> [Task item]: Copy out every line in the entries below that includes "concrete".

> [Information shown]:
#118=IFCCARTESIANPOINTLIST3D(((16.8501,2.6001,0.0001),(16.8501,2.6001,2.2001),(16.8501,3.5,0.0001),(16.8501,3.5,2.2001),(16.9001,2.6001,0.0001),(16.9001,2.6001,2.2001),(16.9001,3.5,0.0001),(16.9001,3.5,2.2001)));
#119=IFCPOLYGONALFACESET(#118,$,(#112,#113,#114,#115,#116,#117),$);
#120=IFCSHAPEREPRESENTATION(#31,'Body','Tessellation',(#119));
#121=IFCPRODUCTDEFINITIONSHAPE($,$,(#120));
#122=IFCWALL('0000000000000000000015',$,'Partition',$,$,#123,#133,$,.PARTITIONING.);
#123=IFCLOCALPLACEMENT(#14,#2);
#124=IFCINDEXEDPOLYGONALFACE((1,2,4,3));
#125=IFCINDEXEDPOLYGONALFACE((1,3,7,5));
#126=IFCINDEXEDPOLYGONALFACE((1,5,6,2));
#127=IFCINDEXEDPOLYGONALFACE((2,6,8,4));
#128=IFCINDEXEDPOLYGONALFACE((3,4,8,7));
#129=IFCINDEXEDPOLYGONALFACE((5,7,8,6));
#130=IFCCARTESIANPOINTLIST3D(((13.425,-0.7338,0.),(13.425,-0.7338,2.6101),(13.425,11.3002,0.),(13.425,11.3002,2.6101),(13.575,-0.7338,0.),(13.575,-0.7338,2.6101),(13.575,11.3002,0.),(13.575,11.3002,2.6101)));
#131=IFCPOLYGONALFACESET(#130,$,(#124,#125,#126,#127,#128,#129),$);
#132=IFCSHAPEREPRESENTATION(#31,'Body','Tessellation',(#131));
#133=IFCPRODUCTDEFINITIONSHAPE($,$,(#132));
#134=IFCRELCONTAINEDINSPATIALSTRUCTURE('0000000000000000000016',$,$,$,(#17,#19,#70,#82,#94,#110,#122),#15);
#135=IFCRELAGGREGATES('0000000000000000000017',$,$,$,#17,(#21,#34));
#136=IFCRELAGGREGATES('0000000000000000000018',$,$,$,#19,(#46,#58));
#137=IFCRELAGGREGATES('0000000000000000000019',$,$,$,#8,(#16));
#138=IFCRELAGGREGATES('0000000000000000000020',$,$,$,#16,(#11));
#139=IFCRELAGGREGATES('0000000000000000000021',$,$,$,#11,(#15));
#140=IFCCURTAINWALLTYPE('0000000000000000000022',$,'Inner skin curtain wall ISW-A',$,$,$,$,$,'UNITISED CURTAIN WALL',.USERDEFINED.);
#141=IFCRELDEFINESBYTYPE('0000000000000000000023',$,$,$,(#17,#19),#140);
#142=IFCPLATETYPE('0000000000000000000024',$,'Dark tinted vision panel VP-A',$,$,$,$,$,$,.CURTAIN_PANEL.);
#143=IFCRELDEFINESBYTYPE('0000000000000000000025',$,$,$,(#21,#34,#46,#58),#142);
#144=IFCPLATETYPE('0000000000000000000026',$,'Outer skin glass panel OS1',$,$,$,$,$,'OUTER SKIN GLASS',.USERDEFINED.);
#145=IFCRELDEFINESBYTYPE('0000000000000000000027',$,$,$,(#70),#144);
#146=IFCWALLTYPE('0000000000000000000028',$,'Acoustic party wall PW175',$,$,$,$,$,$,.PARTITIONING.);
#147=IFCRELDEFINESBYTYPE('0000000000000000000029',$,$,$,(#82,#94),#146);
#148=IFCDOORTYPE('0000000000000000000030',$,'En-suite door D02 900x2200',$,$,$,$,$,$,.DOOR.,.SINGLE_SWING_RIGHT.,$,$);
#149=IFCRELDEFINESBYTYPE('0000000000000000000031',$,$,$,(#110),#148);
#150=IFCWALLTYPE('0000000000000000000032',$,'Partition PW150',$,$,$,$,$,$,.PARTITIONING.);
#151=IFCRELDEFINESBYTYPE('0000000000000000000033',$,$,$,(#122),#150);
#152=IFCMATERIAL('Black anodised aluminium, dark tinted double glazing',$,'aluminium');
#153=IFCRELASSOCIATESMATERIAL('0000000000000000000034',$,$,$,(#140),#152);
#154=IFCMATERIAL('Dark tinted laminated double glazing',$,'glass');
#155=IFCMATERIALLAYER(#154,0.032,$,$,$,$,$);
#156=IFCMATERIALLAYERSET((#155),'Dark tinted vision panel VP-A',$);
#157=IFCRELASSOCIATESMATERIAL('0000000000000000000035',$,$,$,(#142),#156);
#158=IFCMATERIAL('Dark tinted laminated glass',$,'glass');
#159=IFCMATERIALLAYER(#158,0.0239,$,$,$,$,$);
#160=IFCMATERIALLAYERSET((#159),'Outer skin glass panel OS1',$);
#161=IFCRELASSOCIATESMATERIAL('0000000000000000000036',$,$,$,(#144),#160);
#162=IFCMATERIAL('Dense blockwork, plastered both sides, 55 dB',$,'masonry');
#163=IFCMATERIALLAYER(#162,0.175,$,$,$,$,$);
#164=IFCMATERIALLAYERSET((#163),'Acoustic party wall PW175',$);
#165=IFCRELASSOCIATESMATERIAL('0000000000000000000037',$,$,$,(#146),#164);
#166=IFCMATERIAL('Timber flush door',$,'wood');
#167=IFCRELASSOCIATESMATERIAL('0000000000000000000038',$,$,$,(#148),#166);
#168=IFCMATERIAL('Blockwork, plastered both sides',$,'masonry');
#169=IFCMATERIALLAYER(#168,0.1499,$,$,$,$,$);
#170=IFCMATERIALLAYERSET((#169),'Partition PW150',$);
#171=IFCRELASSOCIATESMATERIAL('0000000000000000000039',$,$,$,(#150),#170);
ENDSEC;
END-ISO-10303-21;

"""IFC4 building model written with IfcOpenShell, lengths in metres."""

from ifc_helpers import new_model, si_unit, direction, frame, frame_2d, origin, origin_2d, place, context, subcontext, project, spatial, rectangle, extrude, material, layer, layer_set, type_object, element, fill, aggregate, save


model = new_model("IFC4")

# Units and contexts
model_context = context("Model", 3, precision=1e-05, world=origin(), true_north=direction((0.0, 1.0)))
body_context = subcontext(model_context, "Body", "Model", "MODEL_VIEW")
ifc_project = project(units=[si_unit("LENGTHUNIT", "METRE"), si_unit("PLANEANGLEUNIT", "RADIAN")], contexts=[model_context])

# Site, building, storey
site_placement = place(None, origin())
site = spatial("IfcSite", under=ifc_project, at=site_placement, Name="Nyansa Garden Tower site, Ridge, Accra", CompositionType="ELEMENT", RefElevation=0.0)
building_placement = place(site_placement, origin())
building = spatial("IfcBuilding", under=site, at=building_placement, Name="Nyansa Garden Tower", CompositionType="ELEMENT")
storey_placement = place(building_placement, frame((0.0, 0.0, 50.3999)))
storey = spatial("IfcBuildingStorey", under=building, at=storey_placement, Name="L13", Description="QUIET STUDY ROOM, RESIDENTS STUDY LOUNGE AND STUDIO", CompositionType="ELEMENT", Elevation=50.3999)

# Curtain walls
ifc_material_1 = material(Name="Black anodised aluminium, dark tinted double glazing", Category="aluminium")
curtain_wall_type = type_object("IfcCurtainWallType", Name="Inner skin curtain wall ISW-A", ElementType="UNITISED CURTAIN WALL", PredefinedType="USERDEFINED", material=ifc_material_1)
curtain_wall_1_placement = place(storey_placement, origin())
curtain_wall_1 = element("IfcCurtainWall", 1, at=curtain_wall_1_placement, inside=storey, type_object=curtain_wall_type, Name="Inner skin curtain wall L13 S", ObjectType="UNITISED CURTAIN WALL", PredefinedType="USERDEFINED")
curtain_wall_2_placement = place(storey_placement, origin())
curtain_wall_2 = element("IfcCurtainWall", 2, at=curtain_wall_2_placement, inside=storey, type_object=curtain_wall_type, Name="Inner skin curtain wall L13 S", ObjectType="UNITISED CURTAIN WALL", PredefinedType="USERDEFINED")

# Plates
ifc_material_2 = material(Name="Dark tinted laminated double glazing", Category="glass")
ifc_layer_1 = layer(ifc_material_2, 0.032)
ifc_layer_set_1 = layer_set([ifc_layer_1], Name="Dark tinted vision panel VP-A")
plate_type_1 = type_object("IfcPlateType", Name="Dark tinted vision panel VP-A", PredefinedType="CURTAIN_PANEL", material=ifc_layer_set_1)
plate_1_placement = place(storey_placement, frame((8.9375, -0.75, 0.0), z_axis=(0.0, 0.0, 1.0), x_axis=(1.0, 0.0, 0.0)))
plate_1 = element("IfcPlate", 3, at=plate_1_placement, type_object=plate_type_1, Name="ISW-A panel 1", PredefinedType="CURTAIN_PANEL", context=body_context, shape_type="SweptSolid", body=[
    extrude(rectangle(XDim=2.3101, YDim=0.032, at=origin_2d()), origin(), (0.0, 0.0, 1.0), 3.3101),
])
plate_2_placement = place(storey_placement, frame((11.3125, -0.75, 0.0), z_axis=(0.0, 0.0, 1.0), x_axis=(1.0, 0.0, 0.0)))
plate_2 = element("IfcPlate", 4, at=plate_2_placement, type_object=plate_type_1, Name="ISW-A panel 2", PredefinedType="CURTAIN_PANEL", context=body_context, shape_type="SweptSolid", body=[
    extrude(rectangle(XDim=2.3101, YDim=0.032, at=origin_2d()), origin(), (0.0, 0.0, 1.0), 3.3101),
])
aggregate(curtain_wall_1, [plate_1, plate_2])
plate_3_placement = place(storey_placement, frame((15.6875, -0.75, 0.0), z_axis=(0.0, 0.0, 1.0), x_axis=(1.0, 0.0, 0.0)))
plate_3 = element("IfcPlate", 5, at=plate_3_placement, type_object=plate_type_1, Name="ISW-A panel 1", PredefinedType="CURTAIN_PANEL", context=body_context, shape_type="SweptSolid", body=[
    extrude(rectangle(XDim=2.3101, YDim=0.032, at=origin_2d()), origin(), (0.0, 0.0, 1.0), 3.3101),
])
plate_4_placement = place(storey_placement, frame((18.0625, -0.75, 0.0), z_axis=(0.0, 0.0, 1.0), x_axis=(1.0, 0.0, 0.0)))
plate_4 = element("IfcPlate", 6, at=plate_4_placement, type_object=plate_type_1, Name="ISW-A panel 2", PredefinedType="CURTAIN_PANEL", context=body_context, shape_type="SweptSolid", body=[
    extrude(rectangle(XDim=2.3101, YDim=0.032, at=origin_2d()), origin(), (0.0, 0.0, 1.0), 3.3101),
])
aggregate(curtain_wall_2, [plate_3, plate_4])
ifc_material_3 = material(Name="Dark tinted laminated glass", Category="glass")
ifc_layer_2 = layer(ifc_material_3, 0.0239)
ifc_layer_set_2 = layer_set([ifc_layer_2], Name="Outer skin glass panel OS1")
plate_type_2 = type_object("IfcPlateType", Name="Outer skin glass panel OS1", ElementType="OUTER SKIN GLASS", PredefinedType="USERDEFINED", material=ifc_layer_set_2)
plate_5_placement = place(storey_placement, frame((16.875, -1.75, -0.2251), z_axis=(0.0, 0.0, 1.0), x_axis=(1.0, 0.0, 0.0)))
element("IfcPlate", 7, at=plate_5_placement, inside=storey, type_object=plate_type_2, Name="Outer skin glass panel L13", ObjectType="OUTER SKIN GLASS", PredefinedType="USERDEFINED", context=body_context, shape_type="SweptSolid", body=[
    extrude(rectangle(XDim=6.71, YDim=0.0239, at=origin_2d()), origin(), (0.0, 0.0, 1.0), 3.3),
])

* * *

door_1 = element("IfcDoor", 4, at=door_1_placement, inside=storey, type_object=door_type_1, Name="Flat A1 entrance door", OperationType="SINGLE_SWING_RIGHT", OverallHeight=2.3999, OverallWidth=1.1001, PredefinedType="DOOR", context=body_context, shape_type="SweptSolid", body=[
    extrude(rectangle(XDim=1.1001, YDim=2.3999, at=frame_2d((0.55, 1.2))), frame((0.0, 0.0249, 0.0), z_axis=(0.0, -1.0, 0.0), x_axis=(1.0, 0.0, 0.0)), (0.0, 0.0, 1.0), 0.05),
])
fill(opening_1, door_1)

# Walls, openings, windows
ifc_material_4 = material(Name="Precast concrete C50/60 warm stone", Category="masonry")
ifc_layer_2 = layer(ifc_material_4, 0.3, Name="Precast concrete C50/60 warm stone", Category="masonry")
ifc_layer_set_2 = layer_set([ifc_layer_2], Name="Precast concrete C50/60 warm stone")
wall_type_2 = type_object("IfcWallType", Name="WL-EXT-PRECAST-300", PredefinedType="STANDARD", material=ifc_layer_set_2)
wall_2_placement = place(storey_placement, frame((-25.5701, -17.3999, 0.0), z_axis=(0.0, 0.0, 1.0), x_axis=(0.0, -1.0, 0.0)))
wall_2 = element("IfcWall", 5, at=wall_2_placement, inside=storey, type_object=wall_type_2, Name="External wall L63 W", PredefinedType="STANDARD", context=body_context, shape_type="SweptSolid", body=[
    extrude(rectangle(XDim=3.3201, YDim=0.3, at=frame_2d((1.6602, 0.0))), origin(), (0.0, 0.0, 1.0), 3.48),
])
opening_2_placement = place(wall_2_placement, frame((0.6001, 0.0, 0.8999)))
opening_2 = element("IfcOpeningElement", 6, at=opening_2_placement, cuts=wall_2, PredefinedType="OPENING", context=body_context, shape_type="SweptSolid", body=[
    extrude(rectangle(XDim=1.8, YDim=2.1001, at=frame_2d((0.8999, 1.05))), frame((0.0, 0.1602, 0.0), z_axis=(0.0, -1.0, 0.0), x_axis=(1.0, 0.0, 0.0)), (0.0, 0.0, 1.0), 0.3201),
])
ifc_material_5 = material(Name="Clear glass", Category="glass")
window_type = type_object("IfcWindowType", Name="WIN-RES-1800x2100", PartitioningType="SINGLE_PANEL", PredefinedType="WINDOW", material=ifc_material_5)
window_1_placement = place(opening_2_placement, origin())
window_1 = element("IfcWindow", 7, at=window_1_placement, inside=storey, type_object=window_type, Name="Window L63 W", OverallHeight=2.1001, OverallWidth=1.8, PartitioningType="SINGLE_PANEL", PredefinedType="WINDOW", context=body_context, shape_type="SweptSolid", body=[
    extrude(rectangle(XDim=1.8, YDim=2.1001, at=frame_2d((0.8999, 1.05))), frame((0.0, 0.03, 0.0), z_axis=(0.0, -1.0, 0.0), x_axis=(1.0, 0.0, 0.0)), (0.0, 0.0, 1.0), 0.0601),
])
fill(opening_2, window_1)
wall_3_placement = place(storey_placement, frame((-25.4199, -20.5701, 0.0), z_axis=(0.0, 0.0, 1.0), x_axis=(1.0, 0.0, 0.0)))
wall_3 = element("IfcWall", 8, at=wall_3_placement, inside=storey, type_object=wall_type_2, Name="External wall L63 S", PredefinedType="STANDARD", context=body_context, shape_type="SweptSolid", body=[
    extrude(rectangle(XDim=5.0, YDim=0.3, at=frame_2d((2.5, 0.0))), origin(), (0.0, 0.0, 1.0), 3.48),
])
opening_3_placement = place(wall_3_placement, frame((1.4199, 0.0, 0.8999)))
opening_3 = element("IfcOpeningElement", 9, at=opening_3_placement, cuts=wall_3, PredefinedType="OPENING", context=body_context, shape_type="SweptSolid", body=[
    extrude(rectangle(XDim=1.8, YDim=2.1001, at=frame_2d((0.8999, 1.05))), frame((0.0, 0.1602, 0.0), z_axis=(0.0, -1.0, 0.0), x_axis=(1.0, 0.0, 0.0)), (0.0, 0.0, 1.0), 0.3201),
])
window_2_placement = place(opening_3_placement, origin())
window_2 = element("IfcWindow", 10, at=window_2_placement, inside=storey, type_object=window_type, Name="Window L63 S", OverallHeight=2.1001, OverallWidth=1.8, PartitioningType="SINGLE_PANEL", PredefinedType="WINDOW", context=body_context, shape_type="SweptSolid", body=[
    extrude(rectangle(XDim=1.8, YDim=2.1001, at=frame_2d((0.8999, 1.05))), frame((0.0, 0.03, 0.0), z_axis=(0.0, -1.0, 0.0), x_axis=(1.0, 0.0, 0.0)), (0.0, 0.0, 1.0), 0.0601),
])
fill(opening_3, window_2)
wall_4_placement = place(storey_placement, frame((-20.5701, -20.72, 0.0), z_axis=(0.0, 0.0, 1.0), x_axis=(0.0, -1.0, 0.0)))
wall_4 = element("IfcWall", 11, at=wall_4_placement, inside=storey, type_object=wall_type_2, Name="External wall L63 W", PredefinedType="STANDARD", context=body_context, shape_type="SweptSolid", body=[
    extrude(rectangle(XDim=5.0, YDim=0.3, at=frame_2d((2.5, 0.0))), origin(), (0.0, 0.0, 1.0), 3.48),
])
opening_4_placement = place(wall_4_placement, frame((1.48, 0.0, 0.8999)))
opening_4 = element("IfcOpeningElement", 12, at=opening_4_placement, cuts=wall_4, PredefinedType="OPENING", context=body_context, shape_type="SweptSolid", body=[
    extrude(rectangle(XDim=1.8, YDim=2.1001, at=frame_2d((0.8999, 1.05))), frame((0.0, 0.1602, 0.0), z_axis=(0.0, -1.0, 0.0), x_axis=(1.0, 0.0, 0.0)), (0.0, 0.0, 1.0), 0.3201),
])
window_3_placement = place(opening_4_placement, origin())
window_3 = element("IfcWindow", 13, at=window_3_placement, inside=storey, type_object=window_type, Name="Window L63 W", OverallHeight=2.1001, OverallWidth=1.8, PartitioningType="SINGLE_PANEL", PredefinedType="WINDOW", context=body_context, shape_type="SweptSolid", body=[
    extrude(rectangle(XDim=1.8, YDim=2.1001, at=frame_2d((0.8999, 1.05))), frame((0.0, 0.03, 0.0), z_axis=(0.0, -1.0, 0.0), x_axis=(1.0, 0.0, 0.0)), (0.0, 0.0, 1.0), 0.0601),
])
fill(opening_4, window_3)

> [Answer below]:
ifc_material_4 = material(Name="Precast concrete C50/60 warm stone", Category="masonry")
ifc_layer_2 = layer(ifc_material_4, 0.3, Name="Precast concrete C50/60 warm stone", Category="masonry")
ifc_layer_set_2 = layer_set([ifc_layer_2], Name="Precast concrete C50/60 warm stone")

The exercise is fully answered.